(DATA Opens)
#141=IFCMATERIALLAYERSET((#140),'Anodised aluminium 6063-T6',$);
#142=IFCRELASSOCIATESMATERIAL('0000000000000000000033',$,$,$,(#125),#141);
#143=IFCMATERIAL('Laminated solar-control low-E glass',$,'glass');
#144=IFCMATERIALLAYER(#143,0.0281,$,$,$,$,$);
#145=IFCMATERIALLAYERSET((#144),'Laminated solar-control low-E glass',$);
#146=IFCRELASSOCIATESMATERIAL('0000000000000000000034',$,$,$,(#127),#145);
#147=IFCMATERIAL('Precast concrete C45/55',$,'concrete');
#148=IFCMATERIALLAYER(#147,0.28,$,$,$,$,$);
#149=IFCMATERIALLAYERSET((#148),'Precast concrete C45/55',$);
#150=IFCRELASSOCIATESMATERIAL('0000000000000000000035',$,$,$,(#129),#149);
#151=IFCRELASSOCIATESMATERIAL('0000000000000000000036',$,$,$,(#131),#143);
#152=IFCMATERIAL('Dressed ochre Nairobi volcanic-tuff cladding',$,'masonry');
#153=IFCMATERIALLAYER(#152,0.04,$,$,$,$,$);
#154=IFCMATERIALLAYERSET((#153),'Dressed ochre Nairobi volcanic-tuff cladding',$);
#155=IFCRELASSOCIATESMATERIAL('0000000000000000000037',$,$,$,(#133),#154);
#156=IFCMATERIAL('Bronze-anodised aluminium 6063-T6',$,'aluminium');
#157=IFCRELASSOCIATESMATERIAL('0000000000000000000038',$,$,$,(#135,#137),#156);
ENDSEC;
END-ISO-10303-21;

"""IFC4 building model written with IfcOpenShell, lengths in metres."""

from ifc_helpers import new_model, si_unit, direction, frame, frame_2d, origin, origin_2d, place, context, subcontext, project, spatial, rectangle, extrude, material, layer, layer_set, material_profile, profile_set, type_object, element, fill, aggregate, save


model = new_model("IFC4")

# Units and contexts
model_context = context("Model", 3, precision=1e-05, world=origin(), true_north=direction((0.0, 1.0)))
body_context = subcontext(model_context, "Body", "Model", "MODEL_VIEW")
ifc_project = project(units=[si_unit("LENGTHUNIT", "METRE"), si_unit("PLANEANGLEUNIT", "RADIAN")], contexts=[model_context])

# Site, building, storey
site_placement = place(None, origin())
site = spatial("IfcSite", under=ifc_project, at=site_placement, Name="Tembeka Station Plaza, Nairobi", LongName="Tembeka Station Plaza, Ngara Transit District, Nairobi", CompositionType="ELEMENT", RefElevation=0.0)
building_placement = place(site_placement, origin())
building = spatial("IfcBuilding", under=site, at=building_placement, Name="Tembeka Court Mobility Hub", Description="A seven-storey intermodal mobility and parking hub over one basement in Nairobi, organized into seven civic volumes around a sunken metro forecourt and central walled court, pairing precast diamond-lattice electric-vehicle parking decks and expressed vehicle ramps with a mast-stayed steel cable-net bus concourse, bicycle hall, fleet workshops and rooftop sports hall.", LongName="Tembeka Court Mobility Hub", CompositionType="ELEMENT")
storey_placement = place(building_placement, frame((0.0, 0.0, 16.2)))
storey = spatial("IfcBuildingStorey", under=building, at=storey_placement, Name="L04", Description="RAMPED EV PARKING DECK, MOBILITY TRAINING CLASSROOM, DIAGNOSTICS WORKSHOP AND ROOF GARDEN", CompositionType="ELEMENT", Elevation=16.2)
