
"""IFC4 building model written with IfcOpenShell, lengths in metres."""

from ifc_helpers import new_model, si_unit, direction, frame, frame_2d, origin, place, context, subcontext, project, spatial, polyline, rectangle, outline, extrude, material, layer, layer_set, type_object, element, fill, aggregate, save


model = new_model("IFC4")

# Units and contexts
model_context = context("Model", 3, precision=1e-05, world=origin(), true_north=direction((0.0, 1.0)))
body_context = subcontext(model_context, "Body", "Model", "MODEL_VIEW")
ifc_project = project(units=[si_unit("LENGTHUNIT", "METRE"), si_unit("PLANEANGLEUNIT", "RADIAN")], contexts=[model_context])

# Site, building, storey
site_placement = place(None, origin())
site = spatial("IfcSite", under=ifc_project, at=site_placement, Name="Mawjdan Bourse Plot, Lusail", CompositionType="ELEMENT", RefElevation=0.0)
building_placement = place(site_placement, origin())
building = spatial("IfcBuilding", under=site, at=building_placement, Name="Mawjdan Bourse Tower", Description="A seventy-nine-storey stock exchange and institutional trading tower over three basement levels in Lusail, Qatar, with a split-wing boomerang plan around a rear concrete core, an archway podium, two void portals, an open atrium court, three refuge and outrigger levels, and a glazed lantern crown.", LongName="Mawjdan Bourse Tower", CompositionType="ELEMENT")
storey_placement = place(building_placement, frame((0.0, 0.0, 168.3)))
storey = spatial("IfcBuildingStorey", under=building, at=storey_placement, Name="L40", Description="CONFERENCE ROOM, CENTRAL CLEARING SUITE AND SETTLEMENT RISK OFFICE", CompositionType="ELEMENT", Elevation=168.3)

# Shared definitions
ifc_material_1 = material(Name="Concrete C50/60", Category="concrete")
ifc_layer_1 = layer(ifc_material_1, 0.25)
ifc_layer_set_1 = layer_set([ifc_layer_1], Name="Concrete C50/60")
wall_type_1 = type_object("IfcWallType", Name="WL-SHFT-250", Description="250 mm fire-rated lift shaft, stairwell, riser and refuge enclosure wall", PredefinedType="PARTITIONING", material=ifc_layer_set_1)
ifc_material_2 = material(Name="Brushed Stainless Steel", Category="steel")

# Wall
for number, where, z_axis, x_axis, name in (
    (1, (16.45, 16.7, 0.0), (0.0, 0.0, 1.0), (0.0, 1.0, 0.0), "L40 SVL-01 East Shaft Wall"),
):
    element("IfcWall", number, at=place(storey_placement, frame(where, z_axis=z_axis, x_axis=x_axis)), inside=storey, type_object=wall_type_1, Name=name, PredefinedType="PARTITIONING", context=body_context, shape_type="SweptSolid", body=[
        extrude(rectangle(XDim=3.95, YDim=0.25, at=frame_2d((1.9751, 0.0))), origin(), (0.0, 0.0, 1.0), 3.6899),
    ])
(DATA Closes)
THE TASK -> Return every line above where "RefElevation" appears.

YOUR SOLUTION ->
site = spatial("IfcSite", under=ifc_project, at=site_placement, Name="Tembeka Station Plaza, Nairobi", LongName="Tembeka Station Plaza, Ngara Transit District, Nairobi", CompositionType="ELEMENT", RefElevation=0.0)
site = spatial("IfcSite", under=ifc_project, at=site_placement, Name="Mawjdan Bourse Plot, Lusail", CompositionType="ELEMENT", RefElevation=0.0)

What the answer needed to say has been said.